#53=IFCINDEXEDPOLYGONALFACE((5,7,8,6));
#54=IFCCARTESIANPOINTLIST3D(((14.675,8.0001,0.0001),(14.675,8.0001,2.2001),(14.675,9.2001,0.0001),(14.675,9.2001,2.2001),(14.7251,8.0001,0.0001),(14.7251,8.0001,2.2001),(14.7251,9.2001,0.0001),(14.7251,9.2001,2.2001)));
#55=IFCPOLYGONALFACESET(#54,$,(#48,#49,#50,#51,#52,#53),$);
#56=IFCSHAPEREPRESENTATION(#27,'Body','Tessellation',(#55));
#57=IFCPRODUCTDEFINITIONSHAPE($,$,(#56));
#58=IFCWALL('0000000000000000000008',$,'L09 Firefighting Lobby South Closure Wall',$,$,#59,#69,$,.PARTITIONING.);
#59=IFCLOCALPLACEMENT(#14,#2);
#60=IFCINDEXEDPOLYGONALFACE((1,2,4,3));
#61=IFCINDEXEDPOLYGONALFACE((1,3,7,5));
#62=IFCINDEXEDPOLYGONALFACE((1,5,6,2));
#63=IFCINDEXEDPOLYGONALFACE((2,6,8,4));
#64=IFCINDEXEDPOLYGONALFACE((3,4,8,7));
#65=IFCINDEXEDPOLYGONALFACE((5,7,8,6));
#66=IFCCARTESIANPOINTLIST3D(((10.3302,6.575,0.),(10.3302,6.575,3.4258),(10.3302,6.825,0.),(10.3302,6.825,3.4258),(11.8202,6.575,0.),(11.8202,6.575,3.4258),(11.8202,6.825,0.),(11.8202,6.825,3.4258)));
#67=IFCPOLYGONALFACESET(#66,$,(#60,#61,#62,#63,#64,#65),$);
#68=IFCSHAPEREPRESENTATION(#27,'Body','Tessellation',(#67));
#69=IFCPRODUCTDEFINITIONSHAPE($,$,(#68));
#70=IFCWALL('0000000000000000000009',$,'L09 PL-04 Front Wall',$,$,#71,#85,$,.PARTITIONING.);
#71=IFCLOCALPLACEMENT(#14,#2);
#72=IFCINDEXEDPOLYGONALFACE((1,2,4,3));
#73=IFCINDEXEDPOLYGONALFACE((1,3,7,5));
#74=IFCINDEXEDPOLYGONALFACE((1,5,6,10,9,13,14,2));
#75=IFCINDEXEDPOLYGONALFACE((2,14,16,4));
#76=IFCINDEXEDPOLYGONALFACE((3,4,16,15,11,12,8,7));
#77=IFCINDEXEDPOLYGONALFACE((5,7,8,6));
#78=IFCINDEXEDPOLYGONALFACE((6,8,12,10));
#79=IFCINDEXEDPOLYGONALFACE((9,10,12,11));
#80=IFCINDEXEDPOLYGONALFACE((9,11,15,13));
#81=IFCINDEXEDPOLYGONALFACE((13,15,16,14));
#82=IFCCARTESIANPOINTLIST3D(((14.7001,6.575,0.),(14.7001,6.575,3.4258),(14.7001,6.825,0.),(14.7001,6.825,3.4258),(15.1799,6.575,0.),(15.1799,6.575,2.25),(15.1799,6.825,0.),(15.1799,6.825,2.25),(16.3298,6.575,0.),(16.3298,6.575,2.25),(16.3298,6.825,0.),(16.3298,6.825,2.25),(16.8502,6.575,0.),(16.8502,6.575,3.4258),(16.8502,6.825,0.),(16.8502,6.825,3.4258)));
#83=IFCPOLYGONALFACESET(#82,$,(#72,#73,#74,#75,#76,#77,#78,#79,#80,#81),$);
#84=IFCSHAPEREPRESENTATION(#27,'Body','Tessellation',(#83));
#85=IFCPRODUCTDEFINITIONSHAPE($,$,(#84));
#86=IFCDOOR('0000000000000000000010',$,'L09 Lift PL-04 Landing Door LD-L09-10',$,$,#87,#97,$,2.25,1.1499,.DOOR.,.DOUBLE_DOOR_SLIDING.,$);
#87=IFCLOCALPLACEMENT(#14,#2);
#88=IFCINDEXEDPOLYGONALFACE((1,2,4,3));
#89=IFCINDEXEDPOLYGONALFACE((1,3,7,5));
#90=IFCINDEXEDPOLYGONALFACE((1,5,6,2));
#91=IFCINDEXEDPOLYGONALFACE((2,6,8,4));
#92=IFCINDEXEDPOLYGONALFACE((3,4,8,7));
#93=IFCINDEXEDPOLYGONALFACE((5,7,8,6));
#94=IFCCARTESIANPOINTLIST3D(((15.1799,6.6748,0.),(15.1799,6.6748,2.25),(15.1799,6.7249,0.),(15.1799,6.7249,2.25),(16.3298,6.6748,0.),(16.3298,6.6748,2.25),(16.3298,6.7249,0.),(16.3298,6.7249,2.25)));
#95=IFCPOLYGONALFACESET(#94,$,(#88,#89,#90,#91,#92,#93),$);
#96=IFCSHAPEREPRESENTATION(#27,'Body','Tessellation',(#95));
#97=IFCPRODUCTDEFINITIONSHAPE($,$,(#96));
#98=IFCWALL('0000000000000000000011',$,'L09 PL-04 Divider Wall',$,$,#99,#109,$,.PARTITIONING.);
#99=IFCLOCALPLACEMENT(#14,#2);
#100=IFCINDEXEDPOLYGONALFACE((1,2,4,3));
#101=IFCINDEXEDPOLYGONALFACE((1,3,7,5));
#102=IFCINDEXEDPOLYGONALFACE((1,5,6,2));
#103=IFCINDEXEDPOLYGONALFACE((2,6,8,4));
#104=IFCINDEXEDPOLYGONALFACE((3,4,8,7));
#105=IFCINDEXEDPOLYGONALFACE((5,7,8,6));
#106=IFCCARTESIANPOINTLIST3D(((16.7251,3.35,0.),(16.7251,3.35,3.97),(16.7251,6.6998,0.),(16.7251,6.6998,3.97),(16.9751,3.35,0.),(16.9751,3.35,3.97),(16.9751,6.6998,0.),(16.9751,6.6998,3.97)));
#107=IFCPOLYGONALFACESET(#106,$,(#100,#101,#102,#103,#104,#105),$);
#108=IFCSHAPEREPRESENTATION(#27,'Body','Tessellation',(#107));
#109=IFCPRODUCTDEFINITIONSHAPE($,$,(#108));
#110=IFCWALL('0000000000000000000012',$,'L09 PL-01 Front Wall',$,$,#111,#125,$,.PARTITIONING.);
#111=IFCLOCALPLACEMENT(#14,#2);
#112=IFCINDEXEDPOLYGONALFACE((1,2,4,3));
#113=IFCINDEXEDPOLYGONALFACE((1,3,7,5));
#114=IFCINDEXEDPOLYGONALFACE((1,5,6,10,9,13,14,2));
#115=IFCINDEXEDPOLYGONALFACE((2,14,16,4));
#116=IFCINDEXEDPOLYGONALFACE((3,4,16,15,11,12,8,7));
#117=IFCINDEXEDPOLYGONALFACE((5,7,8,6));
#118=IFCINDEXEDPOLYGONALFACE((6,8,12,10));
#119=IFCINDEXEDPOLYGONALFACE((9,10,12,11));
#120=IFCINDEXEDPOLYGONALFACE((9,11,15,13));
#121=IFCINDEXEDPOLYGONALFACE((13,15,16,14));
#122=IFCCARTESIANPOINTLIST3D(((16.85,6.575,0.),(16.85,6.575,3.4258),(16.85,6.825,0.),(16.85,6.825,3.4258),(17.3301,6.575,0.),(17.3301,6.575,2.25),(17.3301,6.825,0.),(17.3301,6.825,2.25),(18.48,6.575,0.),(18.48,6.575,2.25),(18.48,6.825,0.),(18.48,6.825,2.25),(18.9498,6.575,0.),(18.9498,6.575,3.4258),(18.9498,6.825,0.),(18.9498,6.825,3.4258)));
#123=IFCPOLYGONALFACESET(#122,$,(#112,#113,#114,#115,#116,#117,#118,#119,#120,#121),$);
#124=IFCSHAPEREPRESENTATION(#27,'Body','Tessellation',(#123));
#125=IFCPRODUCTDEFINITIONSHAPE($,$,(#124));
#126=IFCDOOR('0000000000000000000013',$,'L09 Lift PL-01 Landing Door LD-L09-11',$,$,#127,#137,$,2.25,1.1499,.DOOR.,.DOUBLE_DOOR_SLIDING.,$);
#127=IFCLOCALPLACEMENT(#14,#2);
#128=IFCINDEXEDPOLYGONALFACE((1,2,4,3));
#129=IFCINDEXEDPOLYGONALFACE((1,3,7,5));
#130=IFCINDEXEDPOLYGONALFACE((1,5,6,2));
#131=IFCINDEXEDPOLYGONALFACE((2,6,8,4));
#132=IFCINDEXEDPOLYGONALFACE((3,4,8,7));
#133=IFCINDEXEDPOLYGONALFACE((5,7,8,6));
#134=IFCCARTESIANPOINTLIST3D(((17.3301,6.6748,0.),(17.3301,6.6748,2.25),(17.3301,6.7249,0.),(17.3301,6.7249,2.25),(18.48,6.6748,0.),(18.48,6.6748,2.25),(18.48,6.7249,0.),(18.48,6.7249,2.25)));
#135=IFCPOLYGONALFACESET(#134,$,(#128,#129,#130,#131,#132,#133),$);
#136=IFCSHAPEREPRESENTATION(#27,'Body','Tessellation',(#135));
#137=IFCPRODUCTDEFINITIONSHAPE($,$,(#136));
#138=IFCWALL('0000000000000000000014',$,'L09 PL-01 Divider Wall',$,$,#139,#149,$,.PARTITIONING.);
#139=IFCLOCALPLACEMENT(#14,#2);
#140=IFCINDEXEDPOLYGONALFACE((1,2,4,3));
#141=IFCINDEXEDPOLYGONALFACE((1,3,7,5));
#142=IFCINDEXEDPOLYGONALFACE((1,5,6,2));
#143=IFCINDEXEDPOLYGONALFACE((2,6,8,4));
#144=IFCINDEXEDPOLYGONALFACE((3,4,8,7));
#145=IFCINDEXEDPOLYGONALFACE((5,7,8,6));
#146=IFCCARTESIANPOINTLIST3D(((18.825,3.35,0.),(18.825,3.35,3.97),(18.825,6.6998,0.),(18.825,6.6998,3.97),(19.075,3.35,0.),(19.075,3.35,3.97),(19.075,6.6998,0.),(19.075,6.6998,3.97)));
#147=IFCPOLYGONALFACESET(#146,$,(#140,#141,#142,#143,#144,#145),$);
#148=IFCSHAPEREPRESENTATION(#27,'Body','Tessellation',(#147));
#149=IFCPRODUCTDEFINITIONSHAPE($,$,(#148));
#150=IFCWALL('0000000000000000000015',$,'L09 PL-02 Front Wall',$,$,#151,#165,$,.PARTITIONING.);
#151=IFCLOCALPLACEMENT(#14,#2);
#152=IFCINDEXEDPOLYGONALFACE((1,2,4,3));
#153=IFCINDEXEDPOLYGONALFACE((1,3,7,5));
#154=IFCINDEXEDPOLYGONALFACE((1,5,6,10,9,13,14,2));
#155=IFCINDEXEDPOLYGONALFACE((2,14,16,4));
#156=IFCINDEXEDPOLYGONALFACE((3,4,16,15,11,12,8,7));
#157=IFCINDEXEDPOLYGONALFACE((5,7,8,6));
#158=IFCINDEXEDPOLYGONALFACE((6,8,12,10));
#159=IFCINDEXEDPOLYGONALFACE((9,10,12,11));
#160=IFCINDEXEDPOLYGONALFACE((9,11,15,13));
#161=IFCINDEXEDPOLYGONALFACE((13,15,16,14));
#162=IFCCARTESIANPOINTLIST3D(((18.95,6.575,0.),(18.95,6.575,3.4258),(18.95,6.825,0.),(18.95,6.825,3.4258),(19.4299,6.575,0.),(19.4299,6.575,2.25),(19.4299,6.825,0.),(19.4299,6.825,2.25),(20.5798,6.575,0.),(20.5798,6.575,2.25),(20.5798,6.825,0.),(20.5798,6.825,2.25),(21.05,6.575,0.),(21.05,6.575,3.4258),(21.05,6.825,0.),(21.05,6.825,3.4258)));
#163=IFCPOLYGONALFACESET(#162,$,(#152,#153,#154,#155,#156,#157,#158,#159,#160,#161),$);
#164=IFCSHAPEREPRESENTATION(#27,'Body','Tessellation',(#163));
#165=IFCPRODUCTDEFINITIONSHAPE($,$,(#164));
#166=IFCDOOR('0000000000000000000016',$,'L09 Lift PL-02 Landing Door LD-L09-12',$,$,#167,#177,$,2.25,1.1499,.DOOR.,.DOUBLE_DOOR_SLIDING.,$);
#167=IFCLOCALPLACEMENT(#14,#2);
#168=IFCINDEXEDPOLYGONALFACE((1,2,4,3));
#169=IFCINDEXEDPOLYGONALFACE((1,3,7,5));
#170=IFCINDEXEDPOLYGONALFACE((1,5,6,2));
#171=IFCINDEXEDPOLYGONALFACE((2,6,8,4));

• WORK ORDER: Above are the records; from them, give again exactly the lines from the one containing "#100=IFCINDEXEDPOLYGONALFACE((1,2,4,3));" through the one containing "#115=IFCINDEXEDPOLYGONALFACE((2,14,16,4));", both included.

• REPLY:
#100=IFCINDEXEDPOLYGONALFACE((1,2,4,3));
#101=IFCINDEXEDPOLYGONALFACE((1,3,7,5));
#102=IFCINDEXEDPOLYGONALFACE((1,5,6,2));
#103=IFCINDEXEDPOLYGONALFACE((2,6,8,4));
#104=IFCINDEXEDPOLYGONALFACE((3,4,8,7));
#105=IFCINDEXEDPOLYGONALFACE((5,7,8,6));
#106=IFCCARTESIANPOINTLIST3D(((16.7251,3.35,0.),(16.7251,3.35,3.97),(16.7251,6.6998,0.),(16.7251,6.6998,3.97),(16.9751,3.35,0.),(16.9751,3.35,3.97),(16.9751,6.6998,0.),(16.9751,6.6998,3.97)));
#107=IFCPOLYGONALFACESET(#106,$,(#100,#101,#102,#103,#104,#105),$);
#108=IFCSHAPEREPRESENTATION(#27,'Body','Tessellation',(#107));
#109=IFCPRODUCTDEFINITIONSHAPE($,$,(#108));
#110=IFCWALL('0000000000000000000012',$,'L09 PL-01 Front Wall',$,$,#111,#125,$,.PARTITIONING.);
#111=IFCLOCALPLACEMENT(#14,#2);
#112=IFCINDEXEDPOLYGONALFACE((1,2,4,3));
#113=IFCINDEXEDPOLYGONALFACE((1,3,7,5));
#114=IFCINDEXEDPOLYGONALFACE((1,5,6,10,9,13,14,2));
#115=IFCINDEXEDPOLYGONALFACE((2,14,16,4));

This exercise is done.